(Records from a collection)
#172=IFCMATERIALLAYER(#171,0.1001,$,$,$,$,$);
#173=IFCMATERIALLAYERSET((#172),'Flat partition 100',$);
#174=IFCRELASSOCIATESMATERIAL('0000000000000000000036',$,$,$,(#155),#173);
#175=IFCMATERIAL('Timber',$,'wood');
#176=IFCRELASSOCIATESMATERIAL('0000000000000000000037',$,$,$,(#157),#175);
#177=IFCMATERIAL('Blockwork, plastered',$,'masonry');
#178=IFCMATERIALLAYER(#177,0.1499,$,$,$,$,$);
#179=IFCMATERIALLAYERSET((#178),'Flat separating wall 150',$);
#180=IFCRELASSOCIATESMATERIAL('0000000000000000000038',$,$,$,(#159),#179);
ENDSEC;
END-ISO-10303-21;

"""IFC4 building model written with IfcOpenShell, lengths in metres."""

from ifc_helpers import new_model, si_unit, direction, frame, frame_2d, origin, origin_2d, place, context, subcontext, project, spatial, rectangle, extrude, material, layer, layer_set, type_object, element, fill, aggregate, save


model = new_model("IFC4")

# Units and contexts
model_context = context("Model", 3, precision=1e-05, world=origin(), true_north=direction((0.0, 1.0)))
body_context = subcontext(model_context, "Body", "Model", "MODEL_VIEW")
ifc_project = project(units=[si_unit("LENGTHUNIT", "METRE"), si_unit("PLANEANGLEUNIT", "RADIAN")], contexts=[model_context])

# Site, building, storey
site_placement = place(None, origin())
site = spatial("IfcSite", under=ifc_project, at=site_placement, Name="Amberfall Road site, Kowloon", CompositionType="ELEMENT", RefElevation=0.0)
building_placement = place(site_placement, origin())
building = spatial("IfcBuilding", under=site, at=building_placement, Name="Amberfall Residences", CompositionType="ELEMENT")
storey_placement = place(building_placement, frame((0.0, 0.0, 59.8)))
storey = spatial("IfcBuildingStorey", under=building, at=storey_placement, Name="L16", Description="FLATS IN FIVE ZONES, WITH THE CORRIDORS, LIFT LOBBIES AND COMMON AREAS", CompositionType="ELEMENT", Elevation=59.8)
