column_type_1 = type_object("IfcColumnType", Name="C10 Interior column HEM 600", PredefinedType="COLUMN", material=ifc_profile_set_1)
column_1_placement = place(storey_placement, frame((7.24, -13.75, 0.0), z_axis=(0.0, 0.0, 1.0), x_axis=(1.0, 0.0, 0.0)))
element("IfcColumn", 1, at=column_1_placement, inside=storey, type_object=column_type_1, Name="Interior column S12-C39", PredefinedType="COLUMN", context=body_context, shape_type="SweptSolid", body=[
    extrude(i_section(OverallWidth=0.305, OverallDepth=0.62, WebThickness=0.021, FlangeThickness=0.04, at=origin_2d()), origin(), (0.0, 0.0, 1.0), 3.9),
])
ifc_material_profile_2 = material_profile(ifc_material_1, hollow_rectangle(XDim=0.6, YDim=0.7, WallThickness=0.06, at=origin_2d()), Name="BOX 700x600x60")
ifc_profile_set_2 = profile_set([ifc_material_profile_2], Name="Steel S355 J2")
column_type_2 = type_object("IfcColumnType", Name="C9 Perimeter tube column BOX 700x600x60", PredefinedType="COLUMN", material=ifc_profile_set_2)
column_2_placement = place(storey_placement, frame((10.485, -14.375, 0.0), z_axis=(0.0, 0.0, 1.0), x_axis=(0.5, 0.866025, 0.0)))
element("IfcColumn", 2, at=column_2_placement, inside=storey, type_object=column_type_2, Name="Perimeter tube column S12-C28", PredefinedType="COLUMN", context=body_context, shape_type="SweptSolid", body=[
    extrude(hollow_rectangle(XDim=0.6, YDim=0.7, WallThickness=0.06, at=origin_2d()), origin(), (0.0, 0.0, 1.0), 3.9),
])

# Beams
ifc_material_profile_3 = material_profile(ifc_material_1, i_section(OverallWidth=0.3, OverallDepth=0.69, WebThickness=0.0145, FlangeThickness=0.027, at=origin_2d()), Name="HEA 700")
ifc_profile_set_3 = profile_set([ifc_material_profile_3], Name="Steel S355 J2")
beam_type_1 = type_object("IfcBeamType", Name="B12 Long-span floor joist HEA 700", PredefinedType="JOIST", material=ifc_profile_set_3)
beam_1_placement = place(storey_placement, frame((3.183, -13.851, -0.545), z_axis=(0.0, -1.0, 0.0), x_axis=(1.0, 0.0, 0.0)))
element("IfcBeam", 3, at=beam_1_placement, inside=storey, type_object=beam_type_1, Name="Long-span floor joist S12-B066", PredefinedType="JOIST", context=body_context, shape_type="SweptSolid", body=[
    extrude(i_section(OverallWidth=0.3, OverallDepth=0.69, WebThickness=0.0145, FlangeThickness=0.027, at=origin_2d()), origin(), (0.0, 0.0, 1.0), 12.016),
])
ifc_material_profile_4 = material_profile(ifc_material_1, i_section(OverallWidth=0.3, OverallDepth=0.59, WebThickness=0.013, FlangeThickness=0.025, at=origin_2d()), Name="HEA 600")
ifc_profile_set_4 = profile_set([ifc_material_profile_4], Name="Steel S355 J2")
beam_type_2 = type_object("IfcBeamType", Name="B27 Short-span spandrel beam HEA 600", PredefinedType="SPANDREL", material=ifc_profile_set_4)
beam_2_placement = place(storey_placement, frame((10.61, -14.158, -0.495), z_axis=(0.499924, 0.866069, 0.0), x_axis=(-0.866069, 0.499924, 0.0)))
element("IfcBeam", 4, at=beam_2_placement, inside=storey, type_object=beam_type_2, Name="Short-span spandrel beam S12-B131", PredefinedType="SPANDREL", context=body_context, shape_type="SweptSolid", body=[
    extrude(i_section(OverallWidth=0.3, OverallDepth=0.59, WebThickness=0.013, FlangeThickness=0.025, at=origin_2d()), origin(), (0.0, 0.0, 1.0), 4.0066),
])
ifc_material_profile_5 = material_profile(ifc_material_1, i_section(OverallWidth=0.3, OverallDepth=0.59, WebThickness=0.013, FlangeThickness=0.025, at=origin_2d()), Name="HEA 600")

Problem statement:
Check each line of the entries above, and show every one holding the word "IfcColumnType".

Answer to the problem:
column_type_1 = type_object("IfcColumnType", Name="C10 Interior column HEM 600", PredefinedType="COLUMN", material=ifc_profile_set_1)
column_type_2 = type_object("IfcColumnType", Name="C9 Perimeter tube column BOX 700x600x60", PredefinedType="COLUMN", material=ifc_profile_set_2)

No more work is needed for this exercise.